**What to produce**
Nothing should be output except the lines from the top of the material below through the line that contains "#10=IFCLOCALPLACEMENT(#9,#2);", each exactly as written.

════════════════════

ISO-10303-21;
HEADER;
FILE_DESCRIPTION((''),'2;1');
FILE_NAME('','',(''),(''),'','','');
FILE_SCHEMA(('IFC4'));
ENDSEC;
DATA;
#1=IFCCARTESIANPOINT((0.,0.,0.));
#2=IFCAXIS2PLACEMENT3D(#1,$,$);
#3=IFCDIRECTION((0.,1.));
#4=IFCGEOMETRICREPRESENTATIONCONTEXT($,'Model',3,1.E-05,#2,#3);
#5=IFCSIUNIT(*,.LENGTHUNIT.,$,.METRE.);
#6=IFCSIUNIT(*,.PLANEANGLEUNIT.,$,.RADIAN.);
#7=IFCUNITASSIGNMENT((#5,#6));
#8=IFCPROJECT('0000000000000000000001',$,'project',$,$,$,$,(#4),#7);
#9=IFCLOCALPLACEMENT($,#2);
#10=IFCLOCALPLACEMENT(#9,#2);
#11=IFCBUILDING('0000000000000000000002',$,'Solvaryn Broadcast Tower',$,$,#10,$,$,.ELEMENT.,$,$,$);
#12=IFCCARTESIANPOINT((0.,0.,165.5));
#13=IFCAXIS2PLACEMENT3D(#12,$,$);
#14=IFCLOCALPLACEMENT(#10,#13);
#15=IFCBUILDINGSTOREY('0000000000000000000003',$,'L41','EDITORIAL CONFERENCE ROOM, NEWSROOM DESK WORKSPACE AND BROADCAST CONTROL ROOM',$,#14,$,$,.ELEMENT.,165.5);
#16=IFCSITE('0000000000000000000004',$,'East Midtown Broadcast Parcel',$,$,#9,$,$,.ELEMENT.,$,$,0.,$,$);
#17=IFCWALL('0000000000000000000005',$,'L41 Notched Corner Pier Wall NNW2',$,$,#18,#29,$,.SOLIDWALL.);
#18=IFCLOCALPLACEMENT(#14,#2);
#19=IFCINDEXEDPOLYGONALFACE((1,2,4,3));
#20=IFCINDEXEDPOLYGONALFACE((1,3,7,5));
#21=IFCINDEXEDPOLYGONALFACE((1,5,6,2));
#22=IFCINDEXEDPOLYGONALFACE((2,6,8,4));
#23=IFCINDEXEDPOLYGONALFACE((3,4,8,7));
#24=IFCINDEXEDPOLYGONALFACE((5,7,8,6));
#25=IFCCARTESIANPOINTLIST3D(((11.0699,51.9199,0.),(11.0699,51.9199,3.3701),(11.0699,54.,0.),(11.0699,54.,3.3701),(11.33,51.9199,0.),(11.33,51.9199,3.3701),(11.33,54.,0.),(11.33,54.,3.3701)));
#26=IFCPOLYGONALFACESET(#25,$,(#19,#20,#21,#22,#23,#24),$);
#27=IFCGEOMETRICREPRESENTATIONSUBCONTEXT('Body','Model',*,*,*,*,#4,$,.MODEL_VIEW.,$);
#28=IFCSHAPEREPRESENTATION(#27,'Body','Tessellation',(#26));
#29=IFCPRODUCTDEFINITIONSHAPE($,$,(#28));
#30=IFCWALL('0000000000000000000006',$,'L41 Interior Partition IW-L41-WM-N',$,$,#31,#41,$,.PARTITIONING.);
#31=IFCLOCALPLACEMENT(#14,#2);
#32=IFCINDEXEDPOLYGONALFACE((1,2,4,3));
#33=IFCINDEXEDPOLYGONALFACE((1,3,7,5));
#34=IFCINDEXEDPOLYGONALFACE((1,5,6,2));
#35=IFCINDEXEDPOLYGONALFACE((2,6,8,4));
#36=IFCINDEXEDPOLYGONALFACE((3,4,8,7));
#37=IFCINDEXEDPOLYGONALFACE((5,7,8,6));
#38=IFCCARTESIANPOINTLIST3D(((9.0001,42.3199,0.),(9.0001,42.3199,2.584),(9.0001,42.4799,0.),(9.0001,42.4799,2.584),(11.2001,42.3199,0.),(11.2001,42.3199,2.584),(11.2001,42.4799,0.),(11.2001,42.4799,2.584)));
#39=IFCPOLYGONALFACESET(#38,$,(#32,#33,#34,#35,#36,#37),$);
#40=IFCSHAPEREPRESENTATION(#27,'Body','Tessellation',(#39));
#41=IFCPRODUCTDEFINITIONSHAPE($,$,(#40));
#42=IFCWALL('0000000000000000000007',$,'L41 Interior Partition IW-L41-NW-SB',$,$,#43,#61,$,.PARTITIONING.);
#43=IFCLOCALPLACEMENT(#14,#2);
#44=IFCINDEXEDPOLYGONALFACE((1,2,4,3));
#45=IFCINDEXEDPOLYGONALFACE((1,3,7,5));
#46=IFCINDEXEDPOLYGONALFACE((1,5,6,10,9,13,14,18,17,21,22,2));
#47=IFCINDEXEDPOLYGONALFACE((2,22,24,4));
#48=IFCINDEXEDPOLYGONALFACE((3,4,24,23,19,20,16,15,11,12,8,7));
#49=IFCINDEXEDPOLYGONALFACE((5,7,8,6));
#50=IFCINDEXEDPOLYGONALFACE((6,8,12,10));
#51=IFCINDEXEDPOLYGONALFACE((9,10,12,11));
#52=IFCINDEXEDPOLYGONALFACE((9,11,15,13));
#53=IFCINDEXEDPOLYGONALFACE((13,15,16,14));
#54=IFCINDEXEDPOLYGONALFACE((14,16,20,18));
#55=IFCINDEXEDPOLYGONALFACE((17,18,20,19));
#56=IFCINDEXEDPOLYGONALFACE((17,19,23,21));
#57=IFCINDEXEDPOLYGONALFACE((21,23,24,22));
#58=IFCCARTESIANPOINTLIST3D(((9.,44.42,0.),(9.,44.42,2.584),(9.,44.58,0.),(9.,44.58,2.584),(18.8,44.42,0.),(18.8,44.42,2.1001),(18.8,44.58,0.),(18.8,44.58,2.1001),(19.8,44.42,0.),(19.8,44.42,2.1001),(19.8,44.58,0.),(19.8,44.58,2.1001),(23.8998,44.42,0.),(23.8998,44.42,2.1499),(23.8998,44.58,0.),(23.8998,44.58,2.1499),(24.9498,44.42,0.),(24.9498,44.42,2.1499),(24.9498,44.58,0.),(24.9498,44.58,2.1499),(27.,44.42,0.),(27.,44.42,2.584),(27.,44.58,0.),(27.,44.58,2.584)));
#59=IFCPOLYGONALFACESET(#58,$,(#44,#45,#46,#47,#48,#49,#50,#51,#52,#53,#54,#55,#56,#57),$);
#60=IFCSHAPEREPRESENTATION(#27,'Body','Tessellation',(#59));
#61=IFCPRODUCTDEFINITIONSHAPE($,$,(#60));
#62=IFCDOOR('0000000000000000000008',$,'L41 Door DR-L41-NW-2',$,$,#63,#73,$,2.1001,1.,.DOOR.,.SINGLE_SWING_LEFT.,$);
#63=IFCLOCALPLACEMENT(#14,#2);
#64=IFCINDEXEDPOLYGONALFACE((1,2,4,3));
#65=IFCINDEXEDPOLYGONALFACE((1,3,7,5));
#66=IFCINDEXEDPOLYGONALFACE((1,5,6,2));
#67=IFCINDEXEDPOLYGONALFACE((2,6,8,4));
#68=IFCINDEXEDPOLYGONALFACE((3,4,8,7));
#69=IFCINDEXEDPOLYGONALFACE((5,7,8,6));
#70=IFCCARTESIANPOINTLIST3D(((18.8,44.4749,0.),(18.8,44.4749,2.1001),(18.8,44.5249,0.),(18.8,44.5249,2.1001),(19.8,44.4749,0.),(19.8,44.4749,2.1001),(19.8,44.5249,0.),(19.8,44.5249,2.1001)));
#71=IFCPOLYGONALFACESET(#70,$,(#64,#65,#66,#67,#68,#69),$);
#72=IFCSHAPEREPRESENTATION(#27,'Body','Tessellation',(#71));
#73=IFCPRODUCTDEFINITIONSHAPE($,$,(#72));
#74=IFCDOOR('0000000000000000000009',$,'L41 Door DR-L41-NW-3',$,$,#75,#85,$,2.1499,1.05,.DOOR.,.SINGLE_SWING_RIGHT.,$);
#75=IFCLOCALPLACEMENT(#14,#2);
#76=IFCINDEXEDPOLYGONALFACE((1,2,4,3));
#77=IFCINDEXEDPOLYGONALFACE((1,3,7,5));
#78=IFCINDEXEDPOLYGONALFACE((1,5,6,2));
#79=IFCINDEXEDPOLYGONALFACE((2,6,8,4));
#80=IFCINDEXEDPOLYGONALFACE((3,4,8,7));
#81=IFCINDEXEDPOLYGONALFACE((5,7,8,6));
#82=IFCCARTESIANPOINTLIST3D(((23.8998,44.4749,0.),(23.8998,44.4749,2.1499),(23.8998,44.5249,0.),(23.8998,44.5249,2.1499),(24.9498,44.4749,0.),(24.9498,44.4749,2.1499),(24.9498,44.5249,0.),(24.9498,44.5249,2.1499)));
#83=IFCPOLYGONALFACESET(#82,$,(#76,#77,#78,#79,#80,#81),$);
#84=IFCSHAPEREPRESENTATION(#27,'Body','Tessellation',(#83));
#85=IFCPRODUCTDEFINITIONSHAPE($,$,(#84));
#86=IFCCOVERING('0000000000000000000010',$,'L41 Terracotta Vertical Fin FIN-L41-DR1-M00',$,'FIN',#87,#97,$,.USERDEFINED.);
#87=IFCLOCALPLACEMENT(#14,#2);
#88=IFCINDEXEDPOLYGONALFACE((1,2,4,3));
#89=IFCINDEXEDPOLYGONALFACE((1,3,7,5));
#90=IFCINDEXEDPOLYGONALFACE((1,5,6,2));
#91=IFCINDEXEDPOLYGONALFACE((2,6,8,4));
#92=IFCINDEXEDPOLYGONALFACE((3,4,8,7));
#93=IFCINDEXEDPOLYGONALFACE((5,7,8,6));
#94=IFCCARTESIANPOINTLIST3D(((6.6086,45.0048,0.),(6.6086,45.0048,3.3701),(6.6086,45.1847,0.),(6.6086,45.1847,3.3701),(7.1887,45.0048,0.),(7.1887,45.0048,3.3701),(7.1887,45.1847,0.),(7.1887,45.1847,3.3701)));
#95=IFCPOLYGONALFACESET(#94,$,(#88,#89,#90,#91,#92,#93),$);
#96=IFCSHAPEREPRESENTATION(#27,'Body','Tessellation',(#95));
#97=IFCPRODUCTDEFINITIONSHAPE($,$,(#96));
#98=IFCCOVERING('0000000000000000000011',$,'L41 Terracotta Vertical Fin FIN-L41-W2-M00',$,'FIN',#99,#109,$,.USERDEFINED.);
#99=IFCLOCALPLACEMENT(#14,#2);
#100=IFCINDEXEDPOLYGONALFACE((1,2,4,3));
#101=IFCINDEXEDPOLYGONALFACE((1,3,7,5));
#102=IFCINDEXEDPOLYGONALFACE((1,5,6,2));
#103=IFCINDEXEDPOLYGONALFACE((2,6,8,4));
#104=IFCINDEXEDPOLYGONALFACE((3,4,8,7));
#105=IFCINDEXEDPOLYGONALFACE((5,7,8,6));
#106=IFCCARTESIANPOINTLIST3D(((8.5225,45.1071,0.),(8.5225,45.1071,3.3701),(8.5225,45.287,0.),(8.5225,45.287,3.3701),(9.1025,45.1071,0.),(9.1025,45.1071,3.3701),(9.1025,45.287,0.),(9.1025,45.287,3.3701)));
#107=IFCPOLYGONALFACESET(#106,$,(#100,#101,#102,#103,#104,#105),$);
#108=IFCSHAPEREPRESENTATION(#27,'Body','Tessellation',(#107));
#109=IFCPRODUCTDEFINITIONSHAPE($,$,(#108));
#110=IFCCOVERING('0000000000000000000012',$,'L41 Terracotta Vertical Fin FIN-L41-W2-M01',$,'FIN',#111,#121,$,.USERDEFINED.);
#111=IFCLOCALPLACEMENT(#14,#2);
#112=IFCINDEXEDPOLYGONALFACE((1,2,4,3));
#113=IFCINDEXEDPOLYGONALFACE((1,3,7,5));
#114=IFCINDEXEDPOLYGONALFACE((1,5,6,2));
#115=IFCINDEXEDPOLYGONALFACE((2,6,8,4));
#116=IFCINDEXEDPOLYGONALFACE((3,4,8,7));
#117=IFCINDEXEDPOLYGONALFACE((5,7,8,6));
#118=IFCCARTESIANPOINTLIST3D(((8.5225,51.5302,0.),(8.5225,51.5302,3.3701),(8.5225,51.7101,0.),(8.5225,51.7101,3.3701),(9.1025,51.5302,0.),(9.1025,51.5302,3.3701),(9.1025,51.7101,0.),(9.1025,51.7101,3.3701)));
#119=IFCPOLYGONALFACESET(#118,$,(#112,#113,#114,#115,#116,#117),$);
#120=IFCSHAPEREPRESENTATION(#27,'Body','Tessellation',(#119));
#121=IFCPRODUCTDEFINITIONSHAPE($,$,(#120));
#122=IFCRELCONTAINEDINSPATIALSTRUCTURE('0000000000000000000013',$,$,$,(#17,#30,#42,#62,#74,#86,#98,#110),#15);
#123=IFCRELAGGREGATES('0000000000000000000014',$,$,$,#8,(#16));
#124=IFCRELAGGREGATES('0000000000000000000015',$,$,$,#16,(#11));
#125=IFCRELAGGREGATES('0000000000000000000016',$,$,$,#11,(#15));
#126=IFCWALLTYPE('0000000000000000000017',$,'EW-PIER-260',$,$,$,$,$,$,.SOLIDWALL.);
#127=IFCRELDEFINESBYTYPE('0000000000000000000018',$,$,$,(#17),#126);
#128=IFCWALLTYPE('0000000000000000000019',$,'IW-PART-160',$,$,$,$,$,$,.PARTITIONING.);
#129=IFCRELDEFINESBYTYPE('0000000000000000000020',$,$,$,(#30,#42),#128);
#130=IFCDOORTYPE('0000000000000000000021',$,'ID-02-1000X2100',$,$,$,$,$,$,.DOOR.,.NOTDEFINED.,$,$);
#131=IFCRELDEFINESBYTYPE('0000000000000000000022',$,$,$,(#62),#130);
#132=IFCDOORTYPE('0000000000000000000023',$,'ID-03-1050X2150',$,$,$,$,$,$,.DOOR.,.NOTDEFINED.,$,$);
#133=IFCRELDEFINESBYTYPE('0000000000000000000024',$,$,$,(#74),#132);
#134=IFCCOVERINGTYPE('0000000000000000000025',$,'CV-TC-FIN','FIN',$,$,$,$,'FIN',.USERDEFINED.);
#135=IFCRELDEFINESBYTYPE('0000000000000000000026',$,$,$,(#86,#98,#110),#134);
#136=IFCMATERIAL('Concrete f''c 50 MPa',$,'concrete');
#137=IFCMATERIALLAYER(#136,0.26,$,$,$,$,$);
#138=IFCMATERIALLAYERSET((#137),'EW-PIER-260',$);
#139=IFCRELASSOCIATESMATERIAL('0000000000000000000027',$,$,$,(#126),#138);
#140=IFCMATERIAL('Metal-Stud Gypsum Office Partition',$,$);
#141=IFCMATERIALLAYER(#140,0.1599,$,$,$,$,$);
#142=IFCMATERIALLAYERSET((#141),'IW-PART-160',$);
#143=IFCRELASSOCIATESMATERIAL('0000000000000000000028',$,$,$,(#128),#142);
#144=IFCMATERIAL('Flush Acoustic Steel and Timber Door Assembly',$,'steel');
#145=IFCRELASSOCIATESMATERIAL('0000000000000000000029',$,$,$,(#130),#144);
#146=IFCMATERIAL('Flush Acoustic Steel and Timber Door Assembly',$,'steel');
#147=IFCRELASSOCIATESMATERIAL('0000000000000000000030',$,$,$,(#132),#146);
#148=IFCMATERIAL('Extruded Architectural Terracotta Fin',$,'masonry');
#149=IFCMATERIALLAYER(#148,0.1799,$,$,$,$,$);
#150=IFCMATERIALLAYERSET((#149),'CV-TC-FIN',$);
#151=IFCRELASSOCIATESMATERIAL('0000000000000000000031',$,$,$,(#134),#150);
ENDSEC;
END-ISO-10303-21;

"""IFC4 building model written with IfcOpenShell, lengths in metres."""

from ifc_helpers import new_model, si_unit, direction, frame, frame_2d, origin, origin_2d, place, context, subcontext, project, spatial, rectangle, extrude, material, layer, layer_set, type_object, element, fill, save


model = new_model("IFC4")

# Units and contexts
model_context = context("Model", 3, precision=1e-05, world=origin(), true_north=direction((0.0, 1.0)))
body_context = subcontext(model_context, "Body", "Model", "MODEL_VIEW")
ifc_project = project(units=[si_unit("LENGTHUNIT", "METRE"), si_unit("PLANEANGLEUNIT", "RADIAN")], contexts=[model_context])

# Site, building, storey
site_placement = place(None, origin())
site = spatial("IfcSite", under=ifc_project, at=site_placement, Name="East Midtown Broadcast Parcel", CompositionType="ELEMENT", RefElevation=0.0)
building_placement = place(site_placement, origin())
building = spatial("IfcBuilding", under=site, at=building_placement, Name="Solvaryn Broadcast Tower", CompositionType="ELEMENT")
storey_placement = place(building_placement, frame((0.0, 0.0, 165.5)))
storey = spatial("IfcBuildingStorey", under=building, at=storey_placement, Name="L41", Description="EDITORIAL CONFERENCE ROOM, NEWSROOM DESK WORKSPACE AND BROADCAST CONTROL ROOM", CompositionType="ELEMENT", Elevation=165.5)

════════════════════

**Final answer**
ISO-10303-21;
HEADER;
FILE_DESCRIPTION((''),'2;1');
FILE_NAME('','',(''),(''),'','','');
FILE_SCHEMA(('IFC4'));
ENDSEC;
DATA;
#1=IFCCARTESIANPOINT((0.,0.,0.));
#2=IFCAXIS2PLACEMENT3D(#1,$,$);
#3=IFCDIRECTION((0.,1.));
#4=IFCGEOMETRICREPRESENTATIONCONTEXT($,'Model',3,1.E-05,#2,#3);
#5=IFCSIUNIT(*,.LENGTHUNIT.,$,.METRE.);
#6=IFCSIUNIT(*,.PLANEANGLEUNIT.,$,.RADIAN.);
#7=IFCUNITASSIGNMENT((#5,#6));
#8=IFCPROJECT('0000000000000000000001',$,'project',$,$,$,$,(#4),#7);
#9=IFCLOCALPLACEMENT($,#2);
#10=IFCLOCALPLACEMENT(#9,#2);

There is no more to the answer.